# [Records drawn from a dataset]
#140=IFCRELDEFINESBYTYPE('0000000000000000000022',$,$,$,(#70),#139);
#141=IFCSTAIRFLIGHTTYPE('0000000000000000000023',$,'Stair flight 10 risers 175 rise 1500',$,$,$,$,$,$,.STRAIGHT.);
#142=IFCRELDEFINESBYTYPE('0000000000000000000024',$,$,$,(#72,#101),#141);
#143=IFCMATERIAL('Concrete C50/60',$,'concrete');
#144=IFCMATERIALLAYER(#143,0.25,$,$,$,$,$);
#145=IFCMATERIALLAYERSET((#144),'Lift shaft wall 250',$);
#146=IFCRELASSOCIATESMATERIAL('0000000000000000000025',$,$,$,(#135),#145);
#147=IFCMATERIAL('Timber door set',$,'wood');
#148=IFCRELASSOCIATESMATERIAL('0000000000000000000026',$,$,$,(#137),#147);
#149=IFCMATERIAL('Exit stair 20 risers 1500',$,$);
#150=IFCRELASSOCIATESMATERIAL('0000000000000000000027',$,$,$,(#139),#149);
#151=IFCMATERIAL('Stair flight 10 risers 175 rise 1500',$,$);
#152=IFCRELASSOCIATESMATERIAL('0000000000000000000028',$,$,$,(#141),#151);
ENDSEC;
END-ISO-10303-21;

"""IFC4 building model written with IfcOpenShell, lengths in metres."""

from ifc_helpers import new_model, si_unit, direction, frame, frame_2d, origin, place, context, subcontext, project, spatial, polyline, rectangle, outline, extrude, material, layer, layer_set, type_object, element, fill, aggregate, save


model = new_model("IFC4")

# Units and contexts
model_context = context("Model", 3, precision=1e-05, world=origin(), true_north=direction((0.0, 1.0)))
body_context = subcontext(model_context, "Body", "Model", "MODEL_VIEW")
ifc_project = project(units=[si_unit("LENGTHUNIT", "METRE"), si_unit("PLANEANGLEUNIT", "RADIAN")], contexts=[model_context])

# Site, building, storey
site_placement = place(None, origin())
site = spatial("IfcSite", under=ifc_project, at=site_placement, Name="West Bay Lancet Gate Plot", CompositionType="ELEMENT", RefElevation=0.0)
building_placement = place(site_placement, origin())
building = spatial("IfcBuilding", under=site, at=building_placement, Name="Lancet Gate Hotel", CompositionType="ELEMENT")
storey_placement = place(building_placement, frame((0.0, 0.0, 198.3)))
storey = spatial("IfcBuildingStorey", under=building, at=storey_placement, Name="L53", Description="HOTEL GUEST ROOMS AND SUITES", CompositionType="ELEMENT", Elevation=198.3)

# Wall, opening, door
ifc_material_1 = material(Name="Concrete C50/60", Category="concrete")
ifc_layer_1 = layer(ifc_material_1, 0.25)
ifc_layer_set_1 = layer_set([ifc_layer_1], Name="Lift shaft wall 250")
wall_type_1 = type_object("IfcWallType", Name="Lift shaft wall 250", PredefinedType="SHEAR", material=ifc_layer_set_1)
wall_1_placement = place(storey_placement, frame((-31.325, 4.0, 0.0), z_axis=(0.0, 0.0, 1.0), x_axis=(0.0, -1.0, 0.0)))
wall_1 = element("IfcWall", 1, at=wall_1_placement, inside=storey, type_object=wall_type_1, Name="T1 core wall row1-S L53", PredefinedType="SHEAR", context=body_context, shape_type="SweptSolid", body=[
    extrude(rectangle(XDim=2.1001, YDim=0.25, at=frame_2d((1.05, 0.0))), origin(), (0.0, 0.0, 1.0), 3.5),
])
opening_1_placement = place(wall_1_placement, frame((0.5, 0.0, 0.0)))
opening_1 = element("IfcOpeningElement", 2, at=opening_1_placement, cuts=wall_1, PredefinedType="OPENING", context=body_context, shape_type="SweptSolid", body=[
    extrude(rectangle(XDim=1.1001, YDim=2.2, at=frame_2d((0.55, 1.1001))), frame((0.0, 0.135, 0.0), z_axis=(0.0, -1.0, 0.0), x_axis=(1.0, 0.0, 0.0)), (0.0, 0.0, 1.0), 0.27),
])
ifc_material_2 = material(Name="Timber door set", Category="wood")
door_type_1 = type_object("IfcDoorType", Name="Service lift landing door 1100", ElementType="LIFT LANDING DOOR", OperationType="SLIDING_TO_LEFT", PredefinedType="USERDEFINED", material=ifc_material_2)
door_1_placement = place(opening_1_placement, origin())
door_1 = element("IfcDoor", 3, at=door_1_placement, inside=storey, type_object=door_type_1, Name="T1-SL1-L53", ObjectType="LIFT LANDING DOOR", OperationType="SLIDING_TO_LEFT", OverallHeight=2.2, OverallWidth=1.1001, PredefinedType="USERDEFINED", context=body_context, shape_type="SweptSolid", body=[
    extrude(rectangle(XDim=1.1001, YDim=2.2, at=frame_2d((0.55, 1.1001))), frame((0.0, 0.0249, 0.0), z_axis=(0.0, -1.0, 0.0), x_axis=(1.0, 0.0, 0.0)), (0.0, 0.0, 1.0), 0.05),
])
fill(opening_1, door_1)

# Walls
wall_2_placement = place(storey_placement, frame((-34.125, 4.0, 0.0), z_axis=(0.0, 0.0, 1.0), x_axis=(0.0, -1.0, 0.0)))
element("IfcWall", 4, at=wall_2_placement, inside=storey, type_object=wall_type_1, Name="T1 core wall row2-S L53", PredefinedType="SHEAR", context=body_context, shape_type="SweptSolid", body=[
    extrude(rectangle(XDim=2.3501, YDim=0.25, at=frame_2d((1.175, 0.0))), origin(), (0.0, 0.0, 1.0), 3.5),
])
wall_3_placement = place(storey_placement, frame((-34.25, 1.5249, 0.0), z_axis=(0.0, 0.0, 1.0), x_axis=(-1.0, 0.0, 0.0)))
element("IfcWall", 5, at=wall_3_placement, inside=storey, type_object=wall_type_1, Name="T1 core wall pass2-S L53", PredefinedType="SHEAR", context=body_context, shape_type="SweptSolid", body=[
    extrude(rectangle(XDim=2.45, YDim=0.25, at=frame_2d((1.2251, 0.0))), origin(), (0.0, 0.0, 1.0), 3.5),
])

# [BRIEF]
Show every line of the data in which the word "Category" appears.

# [OUTPUT BELOW]
ifc_material_1 = material(Name="Concrete C50/60", Category="concrete")
ifc_material_2 = material(Name="Timber door set", Category="wood")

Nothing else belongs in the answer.